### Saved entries
===============

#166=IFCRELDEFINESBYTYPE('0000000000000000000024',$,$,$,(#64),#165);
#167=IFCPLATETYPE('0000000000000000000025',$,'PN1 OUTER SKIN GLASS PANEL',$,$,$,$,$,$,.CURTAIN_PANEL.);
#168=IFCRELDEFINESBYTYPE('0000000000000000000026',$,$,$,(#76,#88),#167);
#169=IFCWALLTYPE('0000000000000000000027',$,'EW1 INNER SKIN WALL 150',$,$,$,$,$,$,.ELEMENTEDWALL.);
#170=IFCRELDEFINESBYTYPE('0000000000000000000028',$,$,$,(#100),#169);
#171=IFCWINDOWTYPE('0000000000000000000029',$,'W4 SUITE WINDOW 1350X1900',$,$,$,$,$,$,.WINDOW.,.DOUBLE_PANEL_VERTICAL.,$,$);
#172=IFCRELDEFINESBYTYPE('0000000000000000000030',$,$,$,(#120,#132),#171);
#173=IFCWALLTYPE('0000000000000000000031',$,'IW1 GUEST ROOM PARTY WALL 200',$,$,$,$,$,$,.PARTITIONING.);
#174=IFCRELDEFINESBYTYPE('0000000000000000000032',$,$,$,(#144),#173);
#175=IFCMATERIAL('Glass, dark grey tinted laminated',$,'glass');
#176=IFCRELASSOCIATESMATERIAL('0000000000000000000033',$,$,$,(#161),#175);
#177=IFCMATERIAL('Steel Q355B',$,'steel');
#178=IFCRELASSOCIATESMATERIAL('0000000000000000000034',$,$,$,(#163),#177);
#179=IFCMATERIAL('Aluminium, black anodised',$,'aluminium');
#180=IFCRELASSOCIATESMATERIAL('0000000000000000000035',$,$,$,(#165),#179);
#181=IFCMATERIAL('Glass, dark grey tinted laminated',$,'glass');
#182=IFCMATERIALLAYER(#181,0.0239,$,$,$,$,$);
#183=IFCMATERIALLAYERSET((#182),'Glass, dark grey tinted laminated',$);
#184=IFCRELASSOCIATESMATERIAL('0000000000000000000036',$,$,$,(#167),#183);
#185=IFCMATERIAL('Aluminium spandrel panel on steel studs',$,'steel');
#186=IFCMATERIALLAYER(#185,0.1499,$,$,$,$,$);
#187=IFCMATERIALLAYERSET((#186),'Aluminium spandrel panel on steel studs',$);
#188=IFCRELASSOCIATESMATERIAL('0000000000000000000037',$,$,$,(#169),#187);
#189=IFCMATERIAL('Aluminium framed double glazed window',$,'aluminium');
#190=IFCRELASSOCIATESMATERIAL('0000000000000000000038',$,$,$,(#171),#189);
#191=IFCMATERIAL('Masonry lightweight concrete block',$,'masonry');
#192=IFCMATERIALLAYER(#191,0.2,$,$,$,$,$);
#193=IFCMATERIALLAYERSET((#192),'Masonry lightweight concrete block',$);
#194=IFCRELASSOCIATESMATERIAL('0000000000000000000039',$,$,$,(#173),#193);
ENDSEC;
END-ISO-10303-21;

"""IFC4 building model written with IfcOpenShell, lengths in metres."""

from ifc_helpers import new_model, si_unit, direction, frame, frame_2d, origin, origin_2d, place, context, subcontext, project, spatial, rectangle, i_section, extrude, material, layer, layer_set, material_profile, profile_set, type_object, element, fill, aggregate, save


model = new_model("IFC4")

===============

### Problem details
All the records, as written, must be given again.

### Expected output
#166=IFCRELDEFINESBYTYPE('0000000000000000000024',$,$,$,(#64),#165);
#167=IFCPLATETYPE('0000000000000000000025',$,'PN1 OUTER SKIN GLASS PANEL',$,$,$,$,$,$,.CURTAIN_PANEL.);
#168=IFCRELDEFINESBYTYPE('0000000000000000000026',$,$,$,(#76,#88),#167);
#169=IFCWALLTYPE('0000000000000000000027',$,'EW1 INNER SKIN WALL 150',$,$,$,$,$,$,.ELEMENTEDWALL.);
#170=IFCRELDEFINESBYTYPE('0000000000000000000028',$,$,$,(#100),#169);
#171=IFCWINDOWTYPE('0000000000000000000029',$,'W4 SUITE WINDOW 1350X1900',$,$,$,$,$,$,.WINDOW.,.DOUBLE_PANEL_VERTICAL.,$,$);
#172=IFCRELDEFINESBYTYPE('0000000000000000000030',$,$,$,(#120,#132),#171);
#173=IFCWALLTYPE('0000000000000000000031',$,'IW1 GUEST ROOM PARTY WALL 200',$,$,$,$,$,$,.PARTITIONING.);
#174=IFCRELDEFINESBYTYPE('0000000000000000000032',$,$,$,(#144),#173);
#175=IFCMATERIAL('Glass, dark grey tinted laminated',$,'glass');
#176=IFCRELASSOCIATESMATERIAL('0000000000000000000033',$,$,$,(#161),#175);
#177=IFCMATERIAL('Steel Q355B',$,'steel');
#178=IFCRELASSOCIATESMATERIAL('0000000000000000000034',$,$,$,(#163),#177);
#179=IFCMATERIAL('Aluminium, black anodised',$,'aluminium');
#180=IFCRELASSOCIATESMATERIAL('0000000000000000000035',$,$,$,(#165),#179);
#181=IFCMATERIAL('Glass, dark grey tinted laminated',$,'glass');
#182=IFCMATERIALLAYER(#181,0.0239,$,$,$,$,$);
#183=IFCMATERIALLAYERSET((#182),'Glass, dark grey tinted laminated',$);
#184=IFCRELASSOCIATESMATERIAL('0000000000000000000036',$,$,$,(#167),#183);
#185=IFCMATERIAL('Aluminium spandrel panel on steel studs',$,'steel');
#186=IFCMATERIALLAYER(#185,0.1499,$,$,$,$,$);
#187=IFCMATERIALLAYERSET((#186),'Aluminium spandrel panel on steel studs',$);
#188=IFCRELASSOCIATESMATERIAL('0000000000000000000037',$,$,$,(#169),#187);
#189=IFCMATERIAL('Aluminium framed double glazed window',$,'aluminium');
#190=IFCRELASSOCIATESMATERIAL('0000000000000000000038',$,$,$,(#171),#189);
#191=IFCMATERIAL('Masonry lightweight concrete block',$,'masonry');
#192=IFCMATERIALLAYER(#191,0.2,$,$,$,$,$);
#193=IFCMATERIALLAYERSET((#192),'Masonry lightweight concrete block',$);
#194=IFCRELASSOCIATESMATERIAL('0000000000000000000039',$,$,$,(#173),#193);
ENDSEC;
END-ISO-10303-21;

"""IFC4 building model written with IfcOpenShell, lengths in metres."""

from ifc_helpers import new_model, si_unit, direction, frame, frame_2d, origin, origin_2d, place, context, subcontext, project, spatial, rectangle, i_section, extrude, material, layer, layer_set, material_profile, profile_set, type_object, element, fill, aggregate, save


model = new_model("IFC4")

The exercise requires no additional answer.